● Brief
Pick every line out of the entries below that has the string "impact", and copy it.

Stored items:
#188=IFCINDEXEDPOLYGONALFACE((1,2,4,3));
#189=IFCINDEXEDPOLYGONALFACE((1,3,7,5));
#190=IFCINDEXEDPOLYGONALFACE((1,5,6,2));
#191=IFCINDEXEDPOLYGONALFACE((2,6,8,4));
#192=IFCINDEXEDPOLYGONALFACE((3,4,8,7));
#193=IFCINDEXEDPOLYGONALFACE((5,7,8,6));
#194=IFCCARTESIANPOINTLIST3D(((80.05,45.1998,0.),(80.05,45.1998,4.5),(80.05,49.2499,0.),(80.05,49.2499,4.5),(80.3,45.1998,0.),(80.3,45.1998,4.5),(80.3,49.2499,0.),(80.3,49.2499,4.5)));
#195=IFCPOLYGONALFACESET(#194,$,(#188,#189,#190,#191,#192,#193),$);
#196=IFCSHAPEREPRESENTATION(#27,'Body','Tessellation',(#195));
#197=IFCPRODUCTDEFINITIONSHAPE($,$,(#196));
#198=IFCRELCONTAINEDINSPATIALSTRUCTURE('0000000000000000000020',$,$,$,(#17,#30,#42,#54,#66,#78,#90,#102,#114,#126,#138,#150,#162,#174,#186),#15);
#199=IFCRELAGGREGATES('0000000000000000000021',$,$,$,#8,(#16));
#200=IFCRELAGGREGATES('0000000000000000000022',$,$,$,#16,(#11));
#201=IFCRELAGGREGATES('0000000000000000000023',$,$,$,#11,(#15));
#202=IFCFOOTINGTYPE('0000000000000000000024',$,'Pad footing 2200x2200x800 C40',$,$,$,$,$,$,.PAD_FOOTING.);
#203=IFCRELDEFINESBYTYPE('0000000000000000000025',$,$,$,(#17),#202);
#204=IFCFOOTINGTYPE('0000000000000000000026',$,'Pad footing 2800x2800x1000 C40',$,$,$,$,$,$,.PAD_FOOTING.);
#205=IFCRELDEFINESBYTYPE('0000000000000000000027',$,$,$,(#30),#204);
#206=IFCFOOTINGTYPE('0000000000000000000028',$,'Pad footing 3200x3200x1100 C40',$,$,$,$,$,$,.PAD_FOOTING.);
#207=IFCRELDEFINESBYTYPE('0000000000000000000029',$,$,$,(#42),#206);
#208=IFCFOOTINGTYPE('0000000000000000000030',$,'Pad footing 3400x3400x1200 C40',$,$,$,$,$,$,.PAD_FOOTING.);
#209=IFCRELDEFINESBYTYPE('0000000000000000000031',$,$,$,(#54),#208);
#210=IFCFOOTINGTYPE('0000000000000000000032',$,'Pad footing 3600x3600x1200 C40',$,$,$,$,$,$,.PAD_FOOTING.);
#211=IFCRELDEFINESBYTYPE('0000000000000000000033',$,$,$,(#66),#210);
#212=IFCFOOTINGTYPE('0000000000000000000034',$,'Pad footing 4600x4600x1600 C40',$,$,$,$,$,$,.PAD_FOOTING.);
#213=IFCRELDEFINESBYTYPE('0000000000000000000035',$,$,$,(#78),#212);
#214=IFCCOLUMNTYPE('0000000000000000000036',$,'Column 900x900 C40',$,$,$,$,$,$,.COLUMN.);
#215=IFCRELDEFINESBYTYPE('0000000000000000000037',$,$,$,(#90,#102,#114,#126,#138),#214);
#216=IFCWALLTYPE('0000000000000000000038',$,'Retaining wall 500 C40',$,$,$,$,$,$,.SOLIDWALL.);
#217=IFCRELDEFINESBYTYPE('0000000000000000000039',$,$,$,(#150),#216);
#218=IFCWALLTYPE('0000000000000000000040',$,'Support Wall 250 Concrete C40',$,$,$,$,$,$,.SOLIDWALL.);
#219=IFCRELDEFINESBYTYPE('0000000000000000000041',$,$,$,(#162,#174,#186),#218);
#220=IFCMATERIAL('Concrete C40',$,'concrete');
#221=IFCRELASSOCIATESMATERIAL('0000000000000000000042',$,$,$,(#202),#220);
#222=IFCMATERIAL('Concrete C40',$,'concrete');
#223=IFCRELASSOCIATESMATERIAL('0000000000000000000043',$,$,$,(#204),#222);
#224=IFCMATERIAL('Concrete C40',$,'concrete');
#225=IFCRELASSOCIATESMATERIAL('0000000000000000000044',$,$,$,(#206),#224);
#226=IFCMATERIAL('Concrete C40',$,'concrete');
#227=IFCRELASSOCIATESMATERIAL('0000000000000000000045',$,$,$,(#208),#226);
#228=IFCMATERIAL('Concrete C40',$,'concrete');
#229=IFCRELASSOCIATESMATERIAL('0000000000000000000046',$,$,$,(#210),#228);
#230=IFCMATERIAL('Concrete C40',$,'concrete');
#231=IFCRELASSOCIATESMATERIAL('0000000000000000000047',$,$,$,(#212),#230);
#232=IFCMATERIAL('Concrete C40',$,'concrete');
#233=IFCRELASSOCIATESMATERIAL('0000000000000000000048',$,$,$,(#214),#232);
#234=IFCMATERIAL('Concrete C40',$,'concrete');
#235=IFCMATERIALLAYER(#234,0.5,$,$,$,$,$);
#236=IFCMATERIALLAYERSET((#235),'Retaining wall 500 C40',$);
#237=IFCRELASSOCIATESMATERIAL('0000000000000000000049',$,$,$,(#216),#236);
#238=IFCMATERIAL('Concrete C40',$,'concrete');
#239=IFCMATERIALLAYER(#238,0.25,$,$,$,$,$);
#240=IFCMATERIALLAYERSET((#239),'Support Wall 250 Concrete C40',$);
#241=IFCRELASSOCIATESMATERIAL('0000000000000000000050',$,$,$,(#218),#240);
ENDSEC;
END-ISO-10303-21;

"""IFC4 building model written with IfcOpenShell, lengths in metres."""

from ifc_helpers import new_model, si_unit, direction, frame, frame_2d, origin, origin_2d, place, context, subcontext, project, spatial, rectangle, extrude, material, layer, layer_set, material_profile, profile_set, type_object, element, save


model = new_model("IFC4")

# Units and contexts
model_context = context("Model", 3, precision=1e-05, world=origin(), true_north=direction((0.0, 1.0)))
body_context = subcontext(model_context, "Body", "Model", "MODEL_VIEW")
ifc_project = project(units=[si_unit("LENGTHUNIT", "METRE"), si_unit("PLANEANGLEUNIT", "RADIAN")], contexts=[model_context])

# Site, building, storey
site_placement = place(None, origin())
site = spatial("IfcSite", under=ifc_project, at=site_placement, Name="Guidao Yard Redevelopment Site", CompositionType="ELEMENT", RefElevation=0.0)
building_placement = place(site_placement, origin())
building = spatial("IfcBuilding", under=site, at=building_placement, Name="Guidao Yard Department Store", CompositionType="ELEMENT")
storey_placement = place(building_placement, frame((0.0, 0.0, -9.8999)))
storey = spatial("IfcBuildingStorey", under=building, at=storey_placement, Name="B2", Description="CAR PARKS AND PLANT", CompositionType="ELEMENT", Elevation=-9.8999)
* * *
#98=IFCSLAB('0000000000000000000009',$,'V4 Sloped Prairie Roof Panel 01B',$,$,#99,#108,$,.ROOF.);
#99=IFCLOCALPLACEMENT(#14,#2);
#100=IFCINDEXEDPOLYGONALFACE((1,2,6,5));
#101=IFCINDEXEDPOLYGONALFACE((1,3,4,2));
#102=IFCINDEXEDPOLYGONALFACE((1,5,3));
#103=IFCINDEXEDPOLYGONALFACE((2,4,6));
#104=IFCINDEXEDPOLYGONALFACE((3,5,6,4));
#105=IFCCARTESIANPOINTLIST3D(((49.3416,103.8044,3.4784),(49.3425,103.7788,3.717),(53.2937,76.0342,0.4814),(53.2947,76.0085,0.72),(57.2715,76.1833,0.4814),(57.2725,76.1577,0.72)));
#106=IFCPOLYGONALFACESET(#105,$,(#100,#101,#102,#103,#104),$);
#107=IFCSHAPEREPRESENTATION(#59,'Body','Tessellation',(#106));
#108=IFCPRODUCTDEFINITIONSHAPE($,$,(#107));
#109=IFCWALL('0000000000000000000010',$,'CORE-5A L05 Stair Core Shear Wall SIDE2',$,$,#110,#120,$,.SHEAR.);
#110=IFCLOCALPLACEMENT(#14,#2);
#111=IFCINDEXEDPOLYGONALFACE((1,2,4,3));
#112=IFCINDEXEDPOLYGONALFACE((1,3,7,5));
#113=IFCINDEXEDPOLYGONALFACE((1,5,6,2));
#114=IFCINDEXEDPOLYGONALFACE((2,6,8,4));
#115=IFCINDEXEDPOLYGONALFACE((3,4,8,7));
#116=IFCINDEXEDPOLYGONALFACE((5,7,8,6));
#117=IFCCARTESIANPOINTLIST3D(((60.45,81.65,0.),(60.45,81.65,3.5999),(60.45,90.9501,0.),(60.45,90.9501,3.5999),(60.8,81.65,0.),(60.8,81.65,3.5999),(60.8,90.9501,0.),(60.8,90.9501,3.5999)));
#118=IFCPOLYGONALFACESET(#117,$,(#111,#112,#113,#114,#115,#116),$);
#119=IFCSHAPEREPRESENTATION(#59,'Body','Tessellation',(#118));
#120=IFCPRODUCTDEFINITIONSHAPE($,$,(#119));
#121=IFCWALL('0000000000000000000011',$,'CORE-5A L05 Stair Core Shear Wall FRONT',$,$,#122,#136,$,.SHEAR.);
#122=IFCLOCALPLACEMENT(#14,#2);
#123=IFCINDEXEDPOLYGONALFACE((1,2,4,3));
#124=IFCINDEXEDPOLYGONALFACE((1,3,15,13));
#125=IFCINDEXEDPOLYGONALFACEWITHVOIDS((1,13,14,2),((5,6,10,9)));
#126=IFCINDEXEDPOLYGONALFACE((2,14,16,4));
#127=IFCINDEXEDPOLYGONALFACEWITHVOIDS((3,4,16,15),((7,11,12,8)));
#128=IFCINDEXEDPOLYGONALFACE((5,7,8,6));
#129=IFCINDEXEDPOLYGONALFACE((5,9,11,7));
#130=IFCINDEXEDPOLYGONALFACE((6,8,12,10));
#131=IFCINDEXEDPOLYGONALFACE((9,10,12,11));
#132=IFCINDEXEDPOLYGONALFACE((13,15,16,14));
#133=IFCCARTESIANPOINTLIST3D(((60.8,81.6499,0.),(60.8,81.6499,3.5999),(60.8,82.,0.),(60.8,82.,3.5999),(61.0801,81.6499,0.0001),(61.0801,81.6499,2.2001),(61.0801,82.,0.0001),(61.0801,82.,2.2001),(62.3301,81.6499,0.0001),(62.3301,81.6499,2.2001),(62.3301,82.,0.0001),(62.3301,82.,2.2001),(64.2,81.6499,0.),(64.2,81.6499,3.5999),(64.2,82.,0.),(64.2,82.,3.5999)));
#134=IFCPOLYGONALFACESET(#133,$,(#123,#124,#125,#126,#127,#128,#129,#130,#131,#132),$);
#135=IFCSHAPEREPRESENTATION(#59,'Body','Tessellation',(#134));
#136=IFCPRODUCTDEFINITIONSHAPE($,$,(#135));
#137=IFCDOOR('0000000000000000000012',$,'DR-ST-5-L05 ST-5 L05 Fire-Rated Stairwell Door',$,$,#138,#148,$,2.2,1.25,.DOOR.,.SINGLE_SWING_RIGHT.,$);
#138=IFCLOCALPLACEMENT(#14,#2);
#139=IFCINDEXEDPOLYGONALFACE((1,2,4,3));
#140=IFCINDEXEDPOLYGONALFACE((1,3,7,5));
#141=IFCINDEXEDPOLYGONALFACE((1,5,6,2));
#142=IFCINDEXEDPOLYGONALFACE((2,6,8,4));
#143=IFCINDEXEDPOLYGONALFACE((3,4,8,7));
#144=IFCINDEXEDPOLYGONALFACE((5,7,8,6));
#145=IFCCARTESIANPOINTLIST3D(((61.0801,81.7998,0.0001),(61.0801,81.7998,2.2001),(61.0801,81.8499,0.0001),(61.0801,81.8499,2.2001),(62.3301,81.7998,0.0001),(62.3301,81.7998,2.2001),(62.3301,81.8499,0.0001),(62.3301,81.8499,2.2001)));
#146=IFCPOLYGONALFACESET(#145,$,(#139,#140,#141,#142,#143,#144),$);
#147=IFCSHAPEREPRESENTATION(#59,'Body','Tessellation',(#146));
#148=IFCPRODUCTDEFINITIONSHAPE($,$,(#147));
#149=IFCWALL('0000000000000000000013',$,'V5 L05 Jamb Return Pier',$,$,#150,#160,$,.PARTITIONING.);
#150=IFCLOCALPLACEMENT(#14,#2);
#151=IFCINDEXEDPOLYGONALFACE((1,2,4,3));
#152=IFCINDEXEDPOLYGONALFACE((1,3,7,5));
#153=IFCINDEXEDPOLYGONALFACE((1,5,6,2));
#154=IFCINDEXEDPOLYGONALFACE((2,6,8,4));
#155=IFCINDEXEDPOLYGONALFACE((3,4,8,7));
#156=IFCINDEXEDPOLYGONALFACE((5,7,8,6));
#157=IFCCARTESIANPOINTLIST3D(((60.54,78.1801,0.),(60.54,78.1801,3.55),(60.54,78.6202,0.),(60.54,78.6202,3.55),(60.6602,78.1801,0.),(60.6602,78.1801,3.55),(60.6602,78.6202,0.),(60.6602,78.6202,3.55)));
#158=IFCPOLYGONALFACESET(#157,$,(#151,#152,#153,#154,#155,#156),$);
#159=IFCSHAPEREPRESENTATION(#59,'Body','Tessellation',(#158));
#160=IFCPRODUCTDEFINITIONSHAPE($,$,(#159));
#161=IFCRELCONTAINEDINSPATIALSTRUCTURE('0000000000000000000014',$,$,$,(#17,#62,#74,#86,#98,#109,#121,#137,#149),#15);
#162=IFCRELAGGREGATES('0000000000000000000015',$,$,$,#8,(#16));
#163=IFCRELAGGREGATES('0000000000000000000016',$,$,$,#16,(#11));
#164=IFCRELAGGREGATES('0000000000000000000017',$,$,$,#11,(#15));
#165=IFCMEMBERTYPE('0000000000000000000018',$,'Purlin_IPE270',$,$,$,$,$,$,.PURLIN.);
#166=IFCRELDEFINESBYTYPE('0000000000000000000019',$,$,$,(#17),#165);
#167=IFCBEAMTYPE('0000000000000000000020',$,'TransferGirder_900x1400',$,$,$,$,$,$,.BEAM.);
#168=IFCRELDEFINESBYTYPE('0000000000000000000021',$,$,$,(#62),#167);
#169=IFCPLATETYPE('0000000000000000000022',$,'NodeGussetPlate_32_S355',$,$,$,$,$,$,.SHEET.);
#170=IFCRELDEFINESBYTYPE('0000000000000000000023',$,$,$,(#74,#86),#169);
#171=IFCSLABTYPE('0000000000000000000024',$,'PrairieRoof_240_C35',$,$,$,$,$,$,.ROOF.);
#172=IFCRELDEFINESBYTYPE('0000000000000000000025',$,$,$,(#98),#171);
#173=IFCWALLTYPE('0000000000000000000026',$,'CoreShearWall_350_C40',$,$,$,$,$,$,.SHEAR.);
==
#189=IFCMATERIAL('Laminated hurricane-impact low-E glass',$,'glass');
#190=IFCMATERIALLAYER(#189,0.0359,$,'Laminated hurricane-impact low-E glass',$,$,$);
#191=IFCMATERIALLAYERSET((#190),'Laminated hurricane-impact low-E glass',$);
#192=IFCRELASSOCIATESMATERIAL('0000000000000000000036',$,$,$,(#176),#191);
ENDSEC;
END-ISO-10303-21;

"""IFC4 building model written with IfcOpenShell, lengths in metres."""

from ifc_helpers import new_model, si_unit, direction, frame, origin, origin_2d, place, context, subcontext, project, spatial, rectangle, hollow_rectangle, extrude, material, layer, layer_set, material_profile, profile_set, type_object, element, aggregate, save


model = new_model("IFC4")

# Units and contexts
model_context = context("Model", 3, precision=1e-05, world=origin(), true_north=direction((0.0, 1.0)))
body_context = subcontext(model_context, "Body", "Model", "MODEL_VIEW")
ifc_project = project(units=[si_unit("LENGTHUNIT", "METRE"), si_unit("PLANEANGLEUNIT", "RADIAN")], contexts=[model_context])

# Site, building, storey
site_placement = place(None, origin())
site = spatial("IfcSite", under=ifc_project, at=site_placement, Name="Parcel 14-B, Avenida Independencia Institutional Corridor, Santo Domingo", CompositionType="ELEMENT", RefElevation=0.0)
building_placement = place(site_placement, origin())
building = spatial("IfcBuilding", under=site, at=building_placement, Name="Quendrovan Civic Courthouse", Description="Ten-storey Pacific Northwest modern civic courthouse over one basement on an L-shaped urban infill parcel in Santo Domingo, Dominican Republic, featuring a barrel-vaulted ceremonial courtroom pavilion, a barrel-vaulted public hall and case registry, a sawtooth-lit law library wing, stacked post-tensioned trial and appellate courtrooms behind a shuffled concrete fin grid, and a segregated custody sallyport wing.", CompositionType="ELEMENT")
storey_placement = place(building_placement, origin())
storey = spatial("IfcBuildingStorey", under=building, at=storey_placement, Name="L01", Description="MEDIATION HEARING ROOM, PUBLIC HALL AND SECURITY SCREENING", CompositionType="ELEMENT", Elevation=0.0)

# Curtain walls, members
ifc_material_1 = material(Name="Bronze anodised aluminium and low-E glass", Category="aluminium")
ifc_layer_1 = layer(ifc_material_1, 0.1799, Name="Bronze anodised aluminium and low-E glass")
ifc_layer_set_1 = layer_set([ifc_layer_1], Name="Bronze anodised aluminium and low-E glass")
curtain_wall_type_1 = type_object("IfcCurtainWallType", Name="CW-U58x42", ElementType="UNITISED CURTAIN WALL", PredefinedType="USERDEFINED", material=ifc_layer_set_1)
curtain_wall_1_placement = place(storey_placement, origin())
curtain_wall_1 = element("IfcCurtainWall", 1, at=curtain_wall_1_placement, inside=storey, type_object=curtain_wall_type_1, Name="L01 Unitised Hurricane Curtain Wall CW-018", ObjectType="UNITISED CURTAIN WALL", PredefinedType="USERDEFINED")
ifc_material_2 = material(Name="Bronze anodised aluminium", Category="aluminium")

● Written solution
#189=IFCMATERIAL('Laminated hurricane-impact low-E glass',$,'glass');
#190=IFCMATERIALLAYER(#189,0.0359,$,'Laminated hurricane-impact low-E glass',$,$,$);
#191=IFCMATERIALLAYERSET((#190),'Laminated hurricane-impact low-E glass',$);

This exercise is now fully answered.